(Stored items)
○ ○ ○

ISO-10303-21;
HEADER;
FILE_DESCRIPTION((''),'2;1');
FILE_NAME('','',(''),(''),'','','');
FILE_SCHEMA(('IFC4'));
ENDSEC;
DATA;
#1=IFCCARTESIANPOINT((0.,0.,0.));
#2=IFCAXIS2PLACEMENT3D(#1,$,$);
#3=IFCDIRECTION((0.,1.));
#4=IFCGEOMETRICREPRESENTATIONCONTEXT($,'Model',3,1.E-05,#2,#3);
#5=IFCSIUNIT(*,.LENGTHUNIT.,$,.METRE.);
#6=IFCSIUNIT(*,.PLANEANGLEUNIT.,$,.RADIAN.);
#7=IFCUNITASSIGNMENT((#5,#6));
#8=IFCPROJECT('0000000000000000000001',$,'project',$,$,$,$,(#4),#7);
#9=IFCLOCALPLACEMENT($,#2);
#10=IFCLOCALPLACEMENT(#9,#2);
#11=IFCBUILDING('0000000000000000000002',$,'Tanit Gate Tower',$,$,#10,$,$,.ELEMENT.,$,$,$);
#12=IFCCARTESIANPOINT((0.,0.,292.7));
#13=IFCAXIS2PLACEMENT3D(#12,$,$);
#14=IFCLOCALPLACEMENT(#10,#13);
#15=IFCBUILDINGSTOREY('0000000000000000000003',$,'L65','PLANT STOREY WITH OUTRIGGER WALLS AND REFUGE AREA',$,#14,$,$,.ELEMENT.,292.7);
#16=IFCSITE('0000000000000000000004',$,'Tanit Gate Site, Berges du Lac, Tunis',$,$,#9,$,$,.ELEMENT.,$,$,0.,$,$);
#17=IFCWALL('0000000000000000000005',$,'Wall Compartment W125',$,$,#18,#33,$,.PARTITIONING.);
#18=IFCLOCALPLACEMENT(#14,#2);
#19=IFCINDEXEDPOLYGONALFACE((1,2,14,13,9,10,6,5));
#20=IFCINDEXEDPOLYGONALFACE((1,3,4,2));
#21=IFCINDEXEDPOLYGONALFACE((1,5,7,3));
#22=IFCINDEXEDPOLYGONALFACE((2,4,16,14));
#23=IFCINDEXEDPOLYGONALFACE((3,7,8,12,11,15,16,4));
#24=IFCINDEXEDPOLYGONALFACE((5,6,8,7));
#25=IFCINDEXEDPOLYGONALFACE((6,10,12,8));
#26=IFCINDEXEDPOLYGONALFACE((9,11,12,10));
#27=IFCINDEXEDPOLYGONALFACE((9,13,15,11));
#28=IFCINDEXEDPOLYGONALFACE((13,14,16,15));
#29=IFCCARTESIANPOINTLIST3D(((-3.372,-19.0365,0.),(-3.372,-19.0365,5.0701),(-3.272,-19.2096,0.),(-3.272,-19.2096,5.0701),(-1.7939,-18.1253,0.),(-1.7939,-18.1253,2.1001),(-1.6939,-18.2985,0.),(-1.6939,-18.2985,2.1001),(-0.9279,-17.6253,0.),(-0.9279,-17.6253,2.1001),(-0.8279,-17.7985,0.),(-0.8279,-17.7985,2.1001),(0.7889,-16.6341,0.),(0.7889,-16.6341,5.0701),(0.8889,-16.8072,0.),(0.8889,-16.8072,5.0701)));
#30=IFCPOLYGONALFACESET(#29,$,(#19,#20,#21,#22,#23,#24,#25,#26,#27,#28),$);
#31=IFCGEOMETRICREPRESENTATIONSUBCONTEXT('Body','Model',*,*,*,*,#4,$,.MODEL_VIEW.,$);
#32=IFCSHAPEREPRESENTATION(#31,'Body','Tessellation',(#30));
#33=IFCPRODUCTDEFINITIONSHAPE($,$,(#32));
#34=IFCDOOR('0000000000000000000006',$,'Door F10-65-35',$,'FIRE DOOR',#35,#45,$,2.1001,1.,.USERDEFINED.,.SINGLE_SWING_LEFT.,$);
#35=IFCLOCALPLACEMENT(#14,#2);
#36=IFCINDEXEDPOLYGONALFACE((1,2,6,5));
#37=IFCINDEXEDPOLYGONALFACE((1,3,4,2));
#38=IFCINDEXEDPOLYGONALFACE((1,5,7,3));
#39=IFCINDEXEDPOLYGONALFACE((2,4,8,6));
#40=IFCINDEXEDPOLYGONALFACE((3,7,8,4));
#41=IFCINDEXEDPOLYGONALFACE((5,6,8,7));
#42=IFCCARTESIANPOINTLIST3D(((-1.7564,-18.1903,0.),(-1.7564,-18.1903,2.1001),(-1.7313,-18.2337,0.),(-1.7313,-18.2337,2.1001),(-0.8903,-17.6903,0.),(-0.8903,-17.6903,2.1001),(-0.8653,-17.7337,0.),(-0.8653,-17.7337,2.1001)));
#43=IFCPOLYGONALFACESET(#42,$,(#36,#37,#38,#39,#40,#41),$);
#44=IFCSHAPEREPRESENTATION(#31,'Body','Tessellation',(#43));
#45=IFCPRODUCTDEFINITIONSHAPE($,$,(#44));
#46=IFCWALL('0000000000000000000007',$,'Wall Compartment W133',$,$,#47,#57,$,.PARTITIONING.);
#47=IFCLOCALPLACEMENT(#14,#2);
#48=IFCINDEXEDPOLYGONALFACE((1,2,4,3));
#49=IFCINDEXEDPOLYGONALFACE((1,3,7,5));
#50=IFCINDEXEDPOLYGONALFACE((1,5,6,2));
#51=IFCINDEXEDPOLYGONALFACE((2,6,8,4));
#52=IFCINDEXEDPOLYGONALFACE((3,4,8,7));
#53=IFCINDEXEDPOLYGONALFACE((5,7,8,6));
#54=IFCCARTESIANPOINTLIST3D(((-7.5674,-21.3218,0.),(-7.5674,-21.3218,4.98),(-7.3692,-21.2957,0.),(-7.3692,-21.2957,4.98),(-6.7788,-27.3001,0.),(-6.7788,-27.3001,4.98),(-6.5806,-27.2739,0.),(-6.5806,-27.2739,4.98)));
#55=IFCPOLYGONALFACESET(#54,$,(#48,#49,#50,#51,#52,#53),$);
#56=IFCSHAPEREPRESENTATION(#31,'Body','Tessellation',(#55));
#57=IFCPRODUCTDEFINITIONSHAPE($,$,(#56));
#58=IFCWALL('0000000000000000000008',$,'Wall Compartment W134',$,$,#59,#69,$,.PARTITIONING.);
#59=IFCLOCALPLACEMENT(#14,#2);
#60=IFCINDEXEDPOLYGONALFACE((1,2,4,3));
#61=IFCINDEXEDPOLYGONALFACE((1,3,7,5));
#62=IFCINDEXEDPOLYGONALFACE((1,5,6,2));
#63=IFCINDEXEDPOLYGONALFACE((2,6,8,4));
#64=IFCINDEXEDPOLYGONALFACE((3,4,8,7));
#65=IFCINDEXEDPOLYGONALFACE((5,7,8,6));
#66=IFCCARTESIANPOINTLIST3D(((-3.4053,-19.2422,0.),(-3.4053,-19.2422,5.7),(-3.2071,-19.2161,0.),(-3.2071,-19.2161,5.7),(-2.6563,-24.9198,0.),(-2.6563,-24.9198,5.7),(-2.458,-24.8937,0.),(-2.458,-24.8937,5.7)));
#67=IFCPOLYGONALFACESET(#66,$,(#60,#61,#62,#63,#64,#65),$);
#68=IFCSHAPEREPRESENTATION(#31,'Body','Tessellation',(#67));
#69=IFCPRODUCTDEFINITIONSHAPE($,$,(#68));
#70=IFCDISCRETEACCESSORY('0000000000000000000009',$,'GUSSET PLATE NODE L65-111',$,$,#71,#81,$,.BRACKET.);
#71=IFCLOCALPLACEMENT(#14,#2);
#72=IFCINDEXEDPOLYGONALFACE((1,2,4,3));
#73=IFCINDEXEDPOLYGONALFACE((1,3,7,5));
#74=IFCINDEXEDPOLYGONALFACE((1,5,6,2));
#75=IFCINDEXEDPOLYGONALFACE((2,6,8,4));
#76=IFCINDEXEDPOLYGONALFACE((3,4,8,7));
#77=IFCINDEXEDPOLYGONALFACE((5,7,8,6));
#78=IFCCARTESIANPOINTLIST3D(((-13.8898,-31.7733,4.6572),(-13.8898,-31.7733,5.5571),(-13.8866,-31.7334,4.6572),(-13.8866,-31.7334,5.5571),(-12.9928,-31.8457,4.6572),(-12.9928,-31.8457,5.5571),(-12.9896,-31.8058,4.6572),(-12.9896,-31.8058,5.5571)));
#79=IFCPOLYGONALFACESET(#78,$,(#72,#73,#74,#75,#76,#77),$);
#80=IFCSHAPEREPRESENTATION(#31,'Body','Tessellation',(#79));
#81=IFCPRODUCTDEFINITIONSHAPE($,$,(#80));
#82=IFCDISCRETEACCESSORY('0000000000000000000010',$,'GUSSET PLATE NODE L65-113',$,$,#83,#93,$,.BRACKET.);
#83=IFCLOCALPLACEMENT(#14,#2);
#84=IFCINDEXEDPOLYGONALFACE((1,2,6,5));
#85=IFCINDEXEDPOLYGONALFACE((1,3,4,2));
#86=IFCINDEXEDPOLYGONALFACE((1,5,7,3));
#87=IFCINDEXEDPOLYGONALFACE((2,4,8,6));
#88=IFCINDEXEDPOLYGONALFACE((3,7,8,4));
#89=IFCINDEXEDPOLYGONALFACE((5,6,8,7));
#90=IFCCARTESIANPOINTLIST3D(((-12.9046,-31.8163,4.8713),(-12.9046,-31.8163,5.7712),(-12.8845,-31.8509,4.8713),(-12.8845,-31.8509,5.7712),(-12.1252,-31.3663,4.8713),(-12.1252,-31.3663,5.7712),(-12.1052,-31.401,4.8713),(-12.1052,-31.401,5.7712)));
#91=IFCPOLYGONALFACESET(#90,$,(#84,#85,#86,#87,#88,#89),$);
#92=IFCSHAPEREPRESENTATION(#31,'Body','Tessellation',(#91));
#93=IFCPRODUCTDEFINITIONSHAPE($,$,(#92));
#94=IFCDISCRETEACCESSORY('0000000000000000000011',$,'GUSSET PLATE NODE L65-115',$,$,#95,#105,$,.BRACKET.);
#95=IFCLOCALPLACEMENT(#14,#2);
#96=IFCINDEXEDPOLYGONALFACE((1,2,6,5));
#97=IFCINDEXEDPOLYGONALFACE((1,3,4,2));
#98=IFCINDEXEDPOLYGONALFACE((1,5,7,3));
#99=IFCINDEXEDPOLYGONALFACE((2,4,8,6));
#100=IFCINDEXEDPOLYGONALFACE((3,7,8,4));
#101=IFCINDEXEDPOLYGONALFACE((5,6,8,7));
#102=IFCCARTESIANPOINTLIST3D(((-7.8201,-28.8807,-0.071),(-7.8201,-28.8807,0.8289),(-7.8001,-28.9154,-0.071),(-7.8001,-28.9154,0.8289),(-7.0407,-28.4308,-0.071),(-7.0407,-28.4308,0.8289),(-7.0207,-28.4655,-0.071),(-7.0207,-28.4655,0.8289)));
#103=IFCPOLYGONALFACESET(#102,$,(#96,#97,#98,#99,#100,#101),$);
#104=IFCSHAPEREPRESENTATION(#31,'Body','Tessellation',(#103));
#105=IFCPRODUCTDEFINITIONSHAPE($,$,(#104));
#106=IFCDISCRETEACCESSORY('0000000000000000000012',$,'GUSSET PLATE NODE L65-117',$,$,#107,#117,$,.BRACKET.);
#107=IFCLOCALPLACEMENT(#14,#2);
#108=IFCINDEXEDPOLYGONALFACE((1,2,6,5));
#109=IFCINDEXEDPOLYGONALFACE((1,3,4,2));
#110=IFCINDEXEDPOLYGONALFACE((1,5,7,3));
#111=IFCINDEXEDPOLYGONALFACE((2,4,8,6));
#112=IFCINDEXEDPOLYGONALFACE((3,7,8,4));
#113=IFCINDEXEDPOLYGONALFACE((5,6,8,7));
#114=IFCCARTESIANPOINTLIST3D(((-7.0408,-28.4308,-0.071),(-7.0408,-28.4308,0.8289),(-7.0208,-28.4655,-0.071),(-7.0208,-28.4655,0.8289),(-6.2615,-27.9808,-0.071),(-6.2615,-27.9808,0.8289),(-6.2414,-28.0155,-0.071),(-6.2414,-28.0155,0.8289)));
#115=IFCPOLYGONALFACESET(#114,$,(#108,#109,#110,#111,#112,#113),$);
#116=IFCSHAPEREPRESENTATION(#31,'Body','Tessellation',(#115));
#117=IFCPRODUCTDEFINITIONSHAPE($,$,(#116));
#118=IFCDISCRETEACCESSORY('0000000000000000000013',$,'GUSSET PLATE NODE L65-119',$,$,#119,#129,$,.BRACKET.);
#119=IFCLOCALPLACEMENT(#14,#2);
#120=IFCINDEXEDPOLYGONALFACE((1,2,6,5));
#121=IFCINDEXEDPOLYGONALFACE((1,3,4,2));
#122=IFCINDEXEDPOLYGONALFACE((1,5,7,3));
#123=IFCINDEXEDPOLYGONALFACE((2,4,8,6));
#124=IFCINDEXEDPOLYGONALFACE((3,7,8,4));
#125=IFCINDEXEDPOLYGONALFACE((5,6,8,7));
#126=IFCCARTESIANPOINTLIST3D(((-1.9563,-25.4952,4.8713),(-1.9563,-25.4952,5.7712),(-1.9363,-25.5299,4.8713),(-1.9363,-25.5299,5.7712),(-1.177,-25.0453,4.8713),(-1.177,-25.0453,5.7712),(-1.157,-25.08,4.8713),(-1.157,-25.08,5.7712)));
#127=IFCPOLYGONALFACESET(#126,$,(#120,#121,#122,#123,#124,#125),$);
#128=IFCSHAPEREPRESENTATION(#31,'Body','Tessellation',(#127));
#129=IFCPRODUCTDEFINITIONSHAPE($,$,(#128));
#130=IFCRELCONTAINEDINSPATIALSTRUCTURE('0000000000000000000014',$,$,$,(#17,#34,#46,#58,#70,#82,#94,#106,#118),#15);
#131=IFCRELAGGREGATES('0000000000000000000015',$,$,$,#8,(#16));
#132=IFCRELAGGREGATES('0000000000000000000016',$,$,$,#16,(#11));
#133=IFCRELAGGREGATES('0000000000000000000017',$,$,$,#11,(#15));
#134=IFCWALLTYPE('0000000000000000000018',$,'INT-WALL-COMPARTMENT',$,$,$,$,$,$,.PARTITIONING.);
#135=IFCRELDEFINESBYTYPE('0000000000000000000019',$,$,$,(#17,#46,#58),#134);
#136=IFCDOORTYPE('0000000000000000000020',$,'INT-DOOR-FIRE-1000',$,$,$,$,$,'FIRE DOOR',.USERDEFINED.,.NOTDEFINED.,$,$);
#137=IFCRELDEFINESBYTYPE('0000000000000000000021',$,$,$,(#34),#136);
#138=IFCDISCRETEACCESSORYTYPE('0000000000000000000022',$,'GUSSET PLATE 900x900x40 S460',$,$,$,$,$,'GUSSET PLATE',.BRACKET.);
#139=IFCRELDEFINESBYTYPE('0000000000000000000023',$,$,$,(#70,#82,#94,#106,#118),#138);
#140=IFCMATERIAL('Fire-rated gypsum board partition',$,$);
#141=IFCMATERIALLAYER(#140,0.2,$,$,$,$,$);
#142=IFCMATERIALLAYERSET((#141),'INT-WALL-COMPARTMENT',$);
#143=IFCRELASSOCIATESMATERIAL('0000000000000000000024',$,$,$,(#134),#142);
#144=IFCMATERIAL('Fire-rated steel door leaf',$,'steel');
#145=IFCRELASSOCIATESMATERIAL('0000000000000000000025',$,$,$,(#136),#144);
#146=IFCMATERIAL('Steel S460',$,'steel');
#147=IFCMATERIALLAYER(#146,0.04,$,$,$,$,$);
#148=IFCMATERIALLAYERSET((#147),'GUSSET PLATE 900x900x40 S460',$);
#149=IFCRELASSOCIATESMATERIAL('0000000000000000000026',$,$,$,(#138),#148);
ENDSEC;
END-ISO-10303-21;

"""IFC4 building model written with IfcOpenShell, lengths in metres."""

from ifc_helpers import new_model, si_unit, direction, frame, frame_2d, origin, origin_2d, place, context, subcontext, project, spatial, rectangle, extrude, material, layer, layer_set, type_object, element, fill, save


model = new_model("IFC4")

# Units and contexts
model_context = context("Model", 3, precision=1e-05, world=origin(), true_north=direction((0.0, 1.0)))
body_context = subcontext(model_context, "Body", "Model", "MODEL_VIEW")
ifc_project = project(units=[si_unit("LENGTHUNIT", "METRE"), si_unit("PLANEANGLEUNIT", "RADIAN")], contexts=[model_context])

# Site, building, storey
site_placement = place(None, origin())
site = spatial("IfcSite", under=ifc_project, at=site_placement, Name="Tanit Gate Site, Berges du Lac, Tunis", CompositionType="ELEMENT", RefElevation=0.0)
building_placement = place(site_placement, origin())
building = spatial("IfcBuilding", under=site, at=building_placement, Name="Tanit Gate Tower", CompositionType="ELEMENT")
storey_placement = place(building_placement, frame((0.0, 0.0, 292.7)))
storey = spatial("IfcBuildingStorey", under=building, at=storey_placement, Name="L65", Description="PLANT STOREY WITH OUTRIGGER WALLS AND REFUGE AREA", CompositionType="ELEMENT", Elevation=292.7)

# Shared definitions
ifc_material_1 = material(Name="Fire-rated gypsum board partition")
ifc_layer_1 = layer(ifc_material_1, 0.2)
ifc_layer_set_1 = layer_set([ifc_layer_1], Name="INT-WALL-COMPARTMENT")
wall_type_1 = type_object("IfcWallType", Name="INT-WALL-COMPARTMENT", PredefinedType="PARTITIONING", material=ifc_layer_set_1)
ifc_material_2 = material(Name="Fire-rated steel door leaf", Category="steel")
door_type_1 = type_object("IfcDoorType", Name="INT-DOOR-FIRE-1000", ElementType="FIRE DOOR", OperationType="NOTDEFINED", PredefinedType="USERDEFINED", material=ifc_material_2)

○ ○ ○

#### Your instructions
From the entries above, print the lines beginning at the one with "#18=IFCLOCALPLACEMENT(#14,#2);" and stopping after the one with "#28=IFCINDEXEDPOLYGONALFACE((13,14,16,15));", exactly as written and with nothing else.

#### Solved exercise
#18=IFCLOCALPLACEMENT(#14,#2);
#19=IFCINDEXEDPOLYGONALFACE((1,2,14,13,9,10,6,5));
#20=IFCINDEXEDPOLYGONALFACE((1,3,4,2));
#21=IFCINDEXEDPOLYGONALFACE((1,5,7,3));
#22=IFCINDEXEDPOLYGONALFACE((2,4,16,14));
#23=IFCINDEXEDPOLYGONALFACE((3,7,8,12,11,15,16,4));
#24=IFCINDEXEDPOLYGONALFACE((5,6,8,7));
#25=IFCINDEXEDPOLYGONALFACE((6,10,12,8));
#26=IFCINDEXEDPOLYGONALFACE((9,11,12,10));
#27=IFCINDEXEDPOLYGONALFACE((9,13,15,11));
#28=IFCINDEXEDPOLYGONALFACE((13,14,16,15));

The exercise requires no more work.